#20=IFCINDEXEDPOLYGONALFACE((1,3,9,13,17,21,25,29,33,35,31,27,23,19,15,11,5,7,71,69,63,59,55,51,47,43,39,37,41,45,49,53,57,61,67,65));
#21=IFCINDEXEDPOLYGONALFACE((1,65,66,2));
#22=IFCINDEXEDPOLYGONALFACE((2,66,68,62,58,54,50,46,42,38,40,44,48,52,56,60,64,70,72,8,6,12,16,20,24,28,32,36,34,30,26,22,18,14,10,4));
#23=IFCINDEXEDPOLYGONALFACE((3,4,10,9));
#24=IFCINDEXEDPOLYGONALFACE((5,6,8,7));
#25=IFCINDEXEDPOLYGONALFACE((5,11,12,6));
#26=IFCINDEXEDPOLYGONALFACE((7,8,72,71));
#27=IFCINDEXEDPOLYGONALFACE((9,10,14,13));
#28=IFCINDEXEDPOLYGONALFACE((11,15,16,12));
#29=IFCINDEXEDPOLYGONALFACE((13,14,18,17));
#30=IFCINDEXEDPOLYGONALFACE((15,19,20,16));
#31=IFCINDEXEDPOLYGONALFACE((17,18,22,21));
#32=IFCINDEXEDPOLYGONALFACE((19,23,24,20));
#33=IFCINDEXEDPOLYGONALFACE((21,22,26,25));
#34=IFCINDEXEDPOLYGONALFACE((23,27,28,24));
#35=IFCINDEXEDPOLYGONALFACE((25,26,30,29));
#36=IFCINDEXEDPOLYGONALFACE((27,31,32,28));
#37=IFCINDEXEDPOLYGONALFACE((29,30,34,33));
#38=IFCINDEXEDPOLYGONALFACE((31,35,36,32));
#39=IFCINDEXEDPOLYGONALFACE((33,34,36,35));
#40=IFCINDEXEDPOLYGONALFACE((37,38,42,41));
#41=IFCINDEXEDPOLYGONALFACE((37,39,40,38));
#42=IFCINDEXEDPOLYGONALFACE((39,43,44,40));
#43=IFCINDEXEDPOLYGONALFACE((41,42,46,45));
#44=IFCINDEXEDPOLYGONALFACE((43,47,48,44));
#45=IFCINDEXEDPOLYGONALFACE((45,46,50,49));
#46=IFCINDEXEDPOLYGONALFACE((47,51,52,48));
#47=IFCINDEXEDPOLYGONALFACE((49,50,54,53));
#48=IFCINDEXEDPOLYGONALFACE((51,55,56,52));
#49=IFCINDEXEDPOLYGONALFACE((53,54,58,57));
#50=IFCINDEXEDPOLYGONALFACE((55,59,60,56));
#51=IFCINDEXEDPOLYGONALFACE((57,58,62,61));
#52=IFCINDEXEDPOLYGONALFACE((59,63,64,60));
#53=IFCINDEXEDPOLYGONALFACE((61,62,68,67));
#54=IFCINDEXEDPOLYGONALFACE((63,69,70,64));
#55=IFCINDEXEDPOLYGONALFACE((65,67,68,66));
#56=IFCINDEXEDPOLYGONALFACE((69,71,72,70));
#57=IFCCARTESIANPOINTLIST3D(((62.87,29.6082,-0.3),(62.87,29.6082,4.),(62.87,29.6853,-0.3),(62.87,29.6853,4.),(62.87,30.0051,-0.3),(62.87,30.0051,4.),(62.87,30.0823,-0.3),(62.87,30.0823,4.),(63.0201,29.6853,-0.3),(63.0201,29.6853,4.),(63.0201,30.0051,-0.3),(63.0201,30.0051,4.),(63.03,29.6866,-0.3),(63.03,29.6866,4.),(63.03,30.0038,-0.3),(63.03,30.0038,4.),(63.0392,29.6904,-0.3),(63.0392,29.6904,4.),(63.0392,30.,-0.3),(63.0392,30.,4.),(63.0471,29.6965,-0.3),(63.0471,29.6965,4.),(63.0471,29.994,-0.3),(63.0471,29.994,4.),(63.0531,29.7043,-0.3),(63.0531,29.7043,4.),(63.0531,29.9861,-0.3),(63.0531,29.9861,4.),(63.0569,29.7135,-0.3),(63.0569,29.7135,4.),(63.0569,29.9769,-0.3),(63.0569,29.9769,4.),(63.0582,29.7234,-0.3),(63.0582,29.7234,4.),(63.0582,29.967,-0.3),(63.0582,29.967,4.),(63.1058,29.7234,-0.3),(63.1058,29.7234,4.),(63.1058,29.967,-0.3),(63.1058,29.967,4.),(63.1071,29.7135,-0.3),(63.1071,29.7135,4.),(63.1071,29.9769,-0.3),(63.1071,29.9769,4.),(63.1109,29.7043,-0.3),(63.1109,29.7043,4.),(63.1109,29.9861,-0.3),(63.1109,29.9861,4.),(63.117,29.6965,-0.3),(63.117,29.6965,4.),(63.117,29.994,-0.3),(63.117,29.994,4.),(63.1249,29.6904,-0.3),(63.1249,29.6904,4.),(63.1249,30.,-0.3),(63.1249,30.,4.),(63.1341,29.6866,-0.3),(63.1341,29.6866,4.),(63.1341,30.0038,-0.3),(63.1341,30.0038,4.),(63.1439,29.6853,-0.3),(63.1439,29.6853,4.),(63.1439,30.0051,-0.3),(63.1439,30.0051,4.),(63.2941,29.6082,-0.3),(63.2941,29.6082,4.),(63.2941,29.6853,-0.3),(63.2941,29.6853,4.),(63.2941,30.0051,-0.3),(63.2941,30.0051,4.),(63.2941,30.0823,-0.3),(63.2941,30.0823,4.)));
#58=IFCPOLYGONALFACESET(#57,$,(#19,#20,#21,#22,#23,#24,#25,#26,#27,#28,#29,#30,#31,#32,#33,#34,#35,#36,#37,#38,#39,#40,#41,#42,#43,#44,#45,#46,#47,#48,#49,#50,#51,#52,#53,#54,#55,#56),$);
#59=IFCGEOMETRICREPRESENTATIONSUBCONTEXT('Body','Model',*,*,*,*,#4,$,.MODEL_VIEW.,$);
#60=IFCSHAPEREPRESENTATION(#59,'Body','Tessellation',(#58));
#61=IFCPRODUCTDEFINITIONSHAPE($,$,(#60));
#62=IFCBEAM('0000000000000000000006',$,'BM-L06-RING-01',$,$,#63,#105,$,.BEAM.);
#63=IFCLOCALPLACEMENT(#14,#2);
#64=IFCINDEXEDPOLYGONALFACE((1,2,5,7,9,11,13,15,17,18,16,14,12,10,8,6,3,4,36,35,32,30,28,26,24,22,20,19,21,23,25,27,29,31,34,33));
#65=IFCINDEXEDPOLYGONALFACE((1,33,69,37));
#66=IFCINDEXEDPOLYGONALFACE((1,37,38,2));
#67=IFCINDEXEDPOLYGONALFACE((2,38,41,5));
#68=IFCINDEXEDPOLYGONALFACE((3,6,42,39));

• • •

▸ **What is required**:
Transcribe the entire listing above exactly as written.

▸ **Solution**:
#20=IFCINDEXEDPOLYGONALFACE((1,3,9,13,17,21,25,29,33,35,31,27,23,19,15,11,5,7,71,69,63,59,55,51,47,43,39,37,41,45,49,53,57,61,67,65));
#21=IFCINDEXEDPOLYGONALFACE((1,65,66,2));
#22=IFCINDEXEDPOLYGONALFACE((2,66,68,62,58,54,50,46,42,38,40,44,48,52,56,60,64,70,72,8,6,12,16,20,24,28,32,36,34,30,26,22,18,14,10,4));
#23=IFCINDEXEDPOLYGONALFACE((3,4,10,9));
#24=IFCINDEXEDPOLYGONALFACE((5,6,8,7));
#25=IFCINDEXEDPOLYGONALFACE((5,11,12,6));
#26=IFCINDEXEDPOLYGONALFACE((7,8,72,71));
#27=IFCINDEXEDPOLYGONALFACE((9,10,14,13));
#28=IFCINDEXEDPOLYGONALFACE((11,15,16,12));
#29=IFCINDEXEDPOLYGONALFACE((13,14,18,17));
#30=IFCINDEXEDPOLYGONALFACE((15,19,20,16));
#31=IFCINDEXEDPOLYGONALFACE((17,18,22,21));
#32=IFCINDEXEDPOLYGONALFACE((19,23,24,20));
#33=IFCINDEXEDPOLYGONALFACE((21,22,26,25));
#34=IFCINDEXEDPOLYGONALFACE((23,27,28,24));
#35=IFCINDEXEDPOLYGONALFACE((25,26,30,29));
#36=IFCINDEXEDPOLYGONALFACE((27,31,32,28));
#37=IFCINDEXEDPOLYGONALFACE((29,30,34,33));
#38=IFCINDEXEDPOLYGONALFACE((31,35,36,32));
#39=IFCINDEXEDPOLYGONALFACE((33,34,36,35));
#40=IFCINDEXEDPOLYGONALFACE((37,38,42,41));
#41=IFCINDEXEDPOLYGONALFACE((37,39,40,38));
#42=IFCINDEXEDPOLYGONALFACE((39,43,44,40));
#43=IFCINDEXEDPOLYGONALFACE((41,42,46,45));
#44=IFCINDEXEDPOLYGONALFACE((43,47,48,44));
#45=IFCINDEXEDPOLYGONALFACE((45,46,50,49));
#46=IFCINDEXEDPOLYGONALFACE((47,51,52,48));
#47=IFCINDEXEDPOLYGONALFACE((49,50,54,53));
#48=IFCINDEXEDPOLYGONALFACE((51,55,56,52));
#49=IFCINDEXEDPOLYGONALFACE((53,54,58,57));
#50=IFCINDEXEDPOLYGONALFACE((55,59,60,56));
#51=IFCINDEXEDPOLYGONALFACE((57,58,62,61));
#52=IFCINDEXEDPOLYGONALFACE((59,63,64,60));
#53=IFCINDEXEDPOLYGONALFACE((61,62,68,67));
#54=IFCINDEXEDPOLYGONALFACE((63,69,70,64));
#55=IFCINDEXEDPOLYGONALFACE((65,67,68,66));
#56=IFCINDEXEDPOLYGONALFACE((69,71,72,70));
#57=IFCCARTESIANPOINTLIST3D(((62.87,29.6082,-0.3),(62.87,29.6082,4.),(62.87,29.6853,-0.3),(62.87,29.6853,4.),(62.87,30.0051,-0.3),(62.87,30.0051,4.),(62.87,30.0823,-0.3),(62.87,30.0823,4.),(63.0201,29.6853,-0.3),(63.0201,29.6853,4.),(63.0201,30.0051,-0.3),(63.0201,30.0051,4.),(63.03,29.6866,-0.3),(63.03,29.6866,4.),(63.03,30.0038,-0.3),(63.03,30.0038,4.),(63.0392,29.6904,-0.3),(63.0392,29.6904,4.),(63.0392,30.,-0.3),(63.0392,30.,4.),(63.0471,29.6965,-0.3),(63.0471,29.6965,4.),(63.0471,29.994,-0.3),(63.0471,29.994,4.),(63.0531,29.7043,-0.3),(63.0531,29.7043,4.),(63.0531,29.9861,-0.3),(63.0531,29.9861,4.),(63.0569,29.7135,-0.3),(63.0569,29.7135,4.),(63.0569,29.9769,-0.3),(63.0569,29.9769,4.),(63.0582,29.7234,-0.3),(63.0582,29.7234,4.),(63.0582,29.967,-0.3),(63.0582,29.967,4.),(63.1058,29.7234,-0.3),(63.1058,29.7234,4.),(63.1058,29.967,-0.3),(63.1058,29.967,4.),(63.1071,29.7135,-0.3),(63.1071,29.7135,4.),(63.1071,29.9769,-0.3),(63.1071,29.9769,4.),(63.1109,29.7043,-0.3),(63.1109,29.7043,4.),(63.1109,29.9861,-0.3),(63.1109,29.9861,4.),(63.117,29.6965,-0.3),(63.117,29.6965,4.),(63.117,29.994,-0.3),(63.117,29.994,4.),(63.1249,29.6904,-0.3),(63.1249,29.6904,4.),(63.1249,30.,-0.3),(63.1249,30.,4.),(63.1341,29.6866,-0.3),(63.1341,29.6866,4.),(63.1341,30.0038,-0.3),(63.1341,30.0038,4.),(63.1439,29.6853,-0.3),(63.1439,29.6853,4.),(63.1439,30.0051,-0.3),(63.1439,30.0051,4.),(63.2941,29.6082,-0.3),(63.2941,29.6082,4.),(63.2941,29.6853,-0.3),(63.2941,29.6853,4.),(63.2941,30.0051,-0.3),(63.2941,30.0051,4.),(63.2941,30.0823,-0.3),(63.2941,30.0823,4.)));
#58=IFCPOLYGONALFACESET(#57,$,(#19,#20,#21,#22,#23,#24,#25,#26,#27,#28,#29,#30,#31,#32,#33,#34,#35,#36,#37,#38,#39,#40,#41,#42,#43,#44,#45,#46,#47,#48,#49,#50,#51,#52,#53,#54,#55,#56),$);
#59=IFCGEOMETRICREPRESENTATIONSUBCONTEXT('Body','Model',*,*,*,*,#4,$,.MODEL_VIEW.,$);
#60=IFCSHAPEREPRESENTATION(#59,'Body','Tessellation',(#58));
#61=IFCPRODUCTDEFINITIONSHAPE($,$,(#60));
#62=IFCBEAM('0000000000000000000006',$,'BM-L06-RING-01',$,$,#63,#105,$,.BEAM.);
#63=IFCLOCALPLACEMENT(#14,#2);
#64=IFCINDEXEDPOLYGONALFACE((1,2,5,7,9,11,13,15,17,18,16,14,12,10,8,6,3,4,36,35,32,30,28,26,24,22,20,19,21,23,25,27,29,31,34,33));
#65=IFCINDEXEDPOLYGONALFACE((1,33,69,37));
#66=IFCINDEXEDPOLYGONALFACE((1,37,38,2));
#67=IFCINDEXEDPOLYGONALFACE((2,38,41,5));
#68=IFCINDEXEDPOLYGONALFACE((3,6,42,39));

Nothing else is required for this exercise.